**ABOUT THIS TASK**
From the data below, retype exactly the lines starting with the one that contains "#217=IFCMATERIALLAYERSET((#216),'Corridor wall 175" and ending with the one that contains "#220=IFCMATERIALLAYER(#219,0.25,$,$,$,$,$);", both included.

(Saved entries)
◆ ◆ ◆ ◆ ◆

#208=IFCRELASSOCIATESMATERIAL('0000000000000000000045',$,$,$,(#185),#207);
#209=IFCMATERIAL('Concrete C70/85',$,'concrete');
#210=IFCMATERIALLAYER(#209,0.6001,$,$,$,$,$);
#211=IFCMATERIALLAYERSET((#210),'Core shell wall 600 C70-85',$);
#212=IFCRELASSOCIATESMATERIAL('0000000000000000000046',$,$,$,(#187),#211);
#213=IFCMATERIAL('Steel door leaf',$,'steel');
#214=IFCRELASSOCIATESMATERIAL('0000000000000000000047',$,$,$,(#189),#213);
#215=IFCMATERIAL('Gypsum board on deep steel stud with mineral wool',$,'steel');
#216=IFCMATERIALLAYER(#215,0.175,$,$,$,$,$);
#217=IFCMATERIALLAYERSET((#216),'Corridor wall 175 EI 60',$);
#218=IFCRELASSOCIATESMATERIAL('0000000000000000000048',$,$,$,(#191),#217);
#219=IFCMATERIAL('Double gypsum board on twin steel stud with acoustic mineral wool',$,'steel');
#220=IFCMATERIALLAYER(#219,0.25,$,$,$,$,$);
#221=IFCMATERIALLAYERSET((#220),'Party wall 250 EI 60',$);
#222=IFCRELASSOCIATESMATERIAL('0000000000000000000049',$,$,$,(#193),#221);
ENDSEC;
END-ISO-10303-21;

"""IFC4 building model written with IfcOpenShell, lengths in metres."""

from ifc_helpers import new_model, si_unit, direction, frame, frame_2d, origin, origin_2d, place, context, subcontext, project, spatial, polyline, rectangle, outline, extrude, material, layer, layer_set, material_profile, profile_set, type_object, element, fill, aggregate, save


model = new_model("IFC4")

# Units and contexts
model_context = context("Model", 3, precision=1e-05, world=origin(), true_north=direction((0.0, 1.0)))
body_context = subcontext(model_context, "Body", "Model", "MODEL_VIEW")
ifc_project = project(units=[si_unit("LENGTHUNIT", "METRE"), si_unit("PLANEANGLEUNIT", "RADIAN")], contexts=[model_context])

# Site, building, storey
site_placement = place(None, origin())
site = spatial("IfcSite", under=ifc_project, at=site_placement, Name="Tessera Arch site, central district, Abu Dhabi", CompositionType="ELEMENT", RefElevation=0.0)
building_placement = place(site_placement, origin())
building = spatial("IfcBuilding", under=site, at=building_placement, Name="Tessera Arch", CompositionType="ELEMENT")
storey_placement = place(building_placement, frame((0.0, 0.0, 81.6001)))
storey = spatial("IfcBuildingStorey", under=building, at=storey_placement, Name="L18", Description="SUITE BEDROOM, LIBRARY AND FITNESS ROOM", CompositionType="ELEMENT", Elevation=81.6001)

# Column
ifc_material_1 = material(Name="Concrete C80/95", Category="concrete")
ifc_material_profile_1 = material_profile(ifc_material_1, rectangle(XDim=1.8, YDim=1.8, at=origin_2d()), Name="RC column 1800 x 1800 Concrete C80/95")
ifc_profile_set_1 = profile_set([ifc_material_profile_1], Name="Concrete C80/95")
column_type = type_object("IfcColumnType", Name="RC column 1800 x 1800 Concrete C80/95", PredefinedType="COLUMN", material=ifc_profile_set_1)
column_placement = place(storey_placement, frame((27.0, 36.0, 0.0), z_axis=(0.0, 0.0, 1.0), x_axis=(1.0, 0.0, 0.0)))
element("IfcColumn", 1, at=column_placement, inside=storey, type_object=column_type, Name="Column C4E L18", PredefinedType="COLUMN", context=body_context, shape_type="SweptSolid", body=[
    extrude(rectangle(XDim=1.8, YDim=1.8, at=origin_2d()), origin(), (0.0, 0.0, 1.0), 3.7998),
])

◆ ◆ ◆ ◆ ◆

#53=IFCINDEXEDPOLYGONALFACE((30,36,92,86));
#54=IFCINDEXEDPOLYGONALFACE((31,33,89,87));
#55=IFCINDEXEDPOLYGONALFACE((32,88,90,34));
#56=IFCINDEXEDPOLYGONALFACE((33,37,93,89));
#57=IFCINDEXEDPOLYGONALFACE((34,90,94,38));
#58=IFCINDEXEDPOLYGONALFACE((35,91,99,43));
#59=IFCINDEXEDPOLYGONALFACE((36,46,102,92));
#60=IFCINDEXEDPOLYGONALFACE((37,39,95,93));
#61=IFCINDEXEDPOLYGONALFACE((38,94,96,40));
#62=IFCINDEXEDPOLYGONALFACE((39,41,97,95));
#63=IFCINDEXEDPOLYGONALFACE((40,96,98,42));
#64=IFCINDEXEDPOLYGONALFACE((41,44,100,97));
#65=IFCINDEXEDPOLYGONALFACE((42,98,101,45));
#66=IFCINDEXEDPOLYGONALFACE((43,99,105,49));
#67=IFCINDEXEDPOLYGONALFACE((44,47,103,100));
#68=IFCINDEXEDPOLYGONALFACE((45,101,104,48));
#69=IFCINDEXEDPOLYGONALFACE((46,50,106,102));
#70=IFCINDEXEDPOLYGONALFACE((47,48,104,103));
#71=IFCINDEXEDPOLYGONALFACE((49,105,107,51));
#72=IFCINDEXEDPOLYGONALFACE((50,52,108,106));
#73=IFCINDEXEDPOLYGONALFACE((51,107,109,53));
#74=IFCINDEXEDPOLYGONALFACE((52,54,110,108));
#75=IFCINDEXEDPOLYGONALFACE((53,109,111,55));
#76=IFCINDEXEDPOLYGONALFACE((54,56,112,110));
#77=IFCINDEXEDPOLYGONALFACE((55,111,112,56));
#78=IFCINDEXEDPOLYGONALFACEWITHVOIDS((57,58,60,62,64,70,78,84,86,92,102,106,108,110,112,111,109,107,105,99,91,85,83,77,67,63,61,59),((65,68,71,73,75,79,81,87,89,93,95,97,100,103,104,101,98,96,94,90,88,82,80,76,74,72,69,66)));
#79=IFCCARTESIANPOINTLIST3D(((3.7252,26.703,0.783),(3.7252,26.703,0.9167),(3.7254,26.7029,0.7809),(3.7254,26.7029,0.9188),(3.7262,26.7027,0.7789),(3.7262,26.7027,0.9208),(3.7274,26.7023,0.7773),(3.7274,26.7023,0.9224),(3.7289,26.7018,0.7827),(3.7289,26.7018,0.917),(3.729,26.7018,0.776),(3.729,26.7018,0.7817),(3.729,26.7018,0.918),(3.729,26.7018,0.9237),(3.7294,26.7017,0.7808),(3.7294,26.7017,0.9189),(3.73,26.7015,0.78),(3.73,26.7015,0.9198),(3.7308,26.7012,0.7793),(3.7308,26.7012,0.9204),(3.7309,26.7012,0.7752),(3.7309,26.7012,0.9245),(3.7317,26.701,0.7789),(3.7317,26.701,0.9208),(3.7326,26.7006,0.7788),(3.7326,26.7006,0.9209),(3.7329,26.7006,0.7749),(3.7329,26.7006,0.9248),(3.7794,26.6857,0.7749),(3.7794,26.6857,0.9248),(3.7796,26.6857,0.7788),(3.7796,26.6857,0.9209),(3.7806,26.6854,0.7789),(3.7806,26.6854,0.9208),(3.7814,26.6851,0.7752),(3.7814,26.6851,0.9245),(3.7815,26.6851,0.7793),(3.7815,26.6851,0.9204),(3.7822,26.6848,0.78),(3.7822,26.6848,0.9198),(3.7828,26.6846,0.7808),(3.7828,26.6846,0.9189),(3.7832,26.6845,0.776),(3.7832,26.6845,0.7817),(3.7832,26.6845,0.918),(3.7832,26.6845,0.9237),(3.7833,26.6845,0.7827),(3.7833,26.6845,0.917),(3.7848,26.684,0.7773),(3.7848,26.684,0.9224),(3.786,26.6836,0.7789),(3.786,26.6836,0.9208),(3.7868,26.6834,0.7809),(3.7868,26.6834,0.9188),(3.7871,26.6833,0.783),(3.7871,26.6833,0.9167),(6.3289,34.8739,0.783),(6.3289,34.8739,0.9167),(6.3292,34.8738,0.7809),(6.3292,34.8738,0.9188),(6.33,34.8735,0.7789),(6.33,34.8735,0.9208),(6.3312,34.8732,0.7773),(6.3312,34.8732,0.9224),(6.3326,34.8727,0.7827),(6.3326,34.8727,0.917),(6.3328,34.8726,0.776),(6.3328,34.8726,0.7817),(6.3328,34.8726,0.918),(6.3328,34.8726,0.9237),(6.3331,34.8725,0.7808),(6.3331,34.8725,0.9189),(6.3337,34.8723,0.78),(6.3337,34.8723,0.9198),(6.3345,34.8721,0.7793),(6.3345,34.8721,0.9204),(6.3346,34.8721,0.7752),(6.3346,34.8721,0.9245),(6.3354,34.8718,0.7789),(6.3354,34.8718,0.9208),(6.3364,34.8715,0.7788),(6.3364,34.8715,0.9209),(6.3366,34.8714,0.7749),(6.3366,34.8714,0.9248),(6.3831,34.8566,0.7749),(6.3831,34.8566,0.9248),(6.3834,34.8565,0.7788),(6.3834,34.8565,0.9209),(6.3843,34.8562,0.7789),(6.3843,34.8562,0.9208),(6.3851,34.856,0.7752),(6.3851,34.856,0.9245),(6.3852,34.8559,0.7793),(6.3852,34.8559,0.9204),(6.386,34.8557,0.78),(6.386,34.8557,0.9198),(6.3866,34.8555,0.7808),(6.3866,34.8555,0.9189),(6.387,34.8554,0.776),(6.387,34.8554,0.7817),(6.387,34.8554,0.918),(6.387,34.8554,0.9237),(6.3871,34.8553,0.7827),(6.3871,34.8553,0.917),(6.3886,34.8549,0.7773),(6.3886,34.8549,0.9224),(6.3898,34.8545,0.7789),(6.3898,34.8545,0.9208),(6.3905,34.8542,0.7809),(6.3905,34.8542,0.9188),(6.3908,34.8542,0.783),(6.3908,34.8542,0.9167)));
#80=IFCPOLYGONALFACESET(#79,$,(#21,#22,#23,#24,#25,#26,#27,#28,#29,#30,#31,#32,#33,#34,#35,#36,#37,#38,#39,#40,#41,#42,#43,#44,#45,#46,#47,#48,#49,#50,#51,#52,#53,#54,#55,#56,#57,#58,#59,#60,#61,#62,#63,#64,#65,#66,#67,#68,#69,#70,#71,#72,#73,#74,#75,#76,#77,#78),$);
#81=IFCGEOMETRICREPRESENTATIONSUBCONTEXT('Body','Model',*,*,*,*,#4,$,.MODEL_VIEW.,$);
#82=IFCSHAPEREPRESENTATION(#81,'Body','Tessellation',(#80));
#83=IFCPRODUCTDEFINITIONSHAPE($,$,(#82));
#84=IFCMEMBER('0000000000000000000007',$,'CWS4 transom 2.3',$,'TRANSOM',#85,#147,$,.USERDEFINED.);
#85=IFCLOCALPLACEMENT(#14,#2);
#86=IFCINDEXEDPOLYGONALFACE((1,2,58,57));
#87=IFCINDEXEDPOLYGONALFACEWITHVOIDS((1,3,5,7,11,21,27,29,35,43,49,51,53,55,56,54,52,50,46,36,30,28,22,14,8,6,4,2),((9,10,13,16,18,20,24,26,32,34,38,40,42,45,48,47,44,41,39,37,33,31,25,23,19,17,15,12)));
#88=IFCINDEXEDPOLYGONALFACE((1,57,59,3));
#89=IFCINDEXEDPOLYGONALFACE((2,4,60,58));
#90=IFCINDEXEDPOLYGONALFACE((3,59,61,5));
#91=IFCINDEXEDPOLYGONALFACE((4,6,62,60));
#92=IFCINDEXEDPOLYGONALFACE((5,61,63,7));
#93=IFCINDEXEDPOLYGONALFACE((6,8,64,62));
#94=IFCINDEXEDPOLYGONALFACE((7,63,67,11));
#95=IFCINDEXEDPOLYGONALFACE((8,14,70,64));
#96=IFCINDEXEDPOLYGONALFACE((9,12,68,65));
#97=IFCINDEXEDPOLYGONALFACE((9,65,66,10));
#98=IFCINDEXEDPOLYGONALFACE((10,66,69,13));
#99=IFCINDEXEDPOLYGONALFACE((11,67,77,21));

◆ ◆ ◆ ◆ ◆

**TASK OUTPUT**
#217=IFCMATERIALLAYERSET((#216),'Corridor wall 175 EI 60',$);
#218=IFCRELASSOCIATESMATERIAL('0000000000000000000048',$,$,$,(#191),#217);
#219=IFCMATERIAL('Double gypsum board on twin steel stud with acoustic mineral wool',$,'steel');
#220=IFCMATERIALLAYER(#219,0.25,$,$,$,$,$);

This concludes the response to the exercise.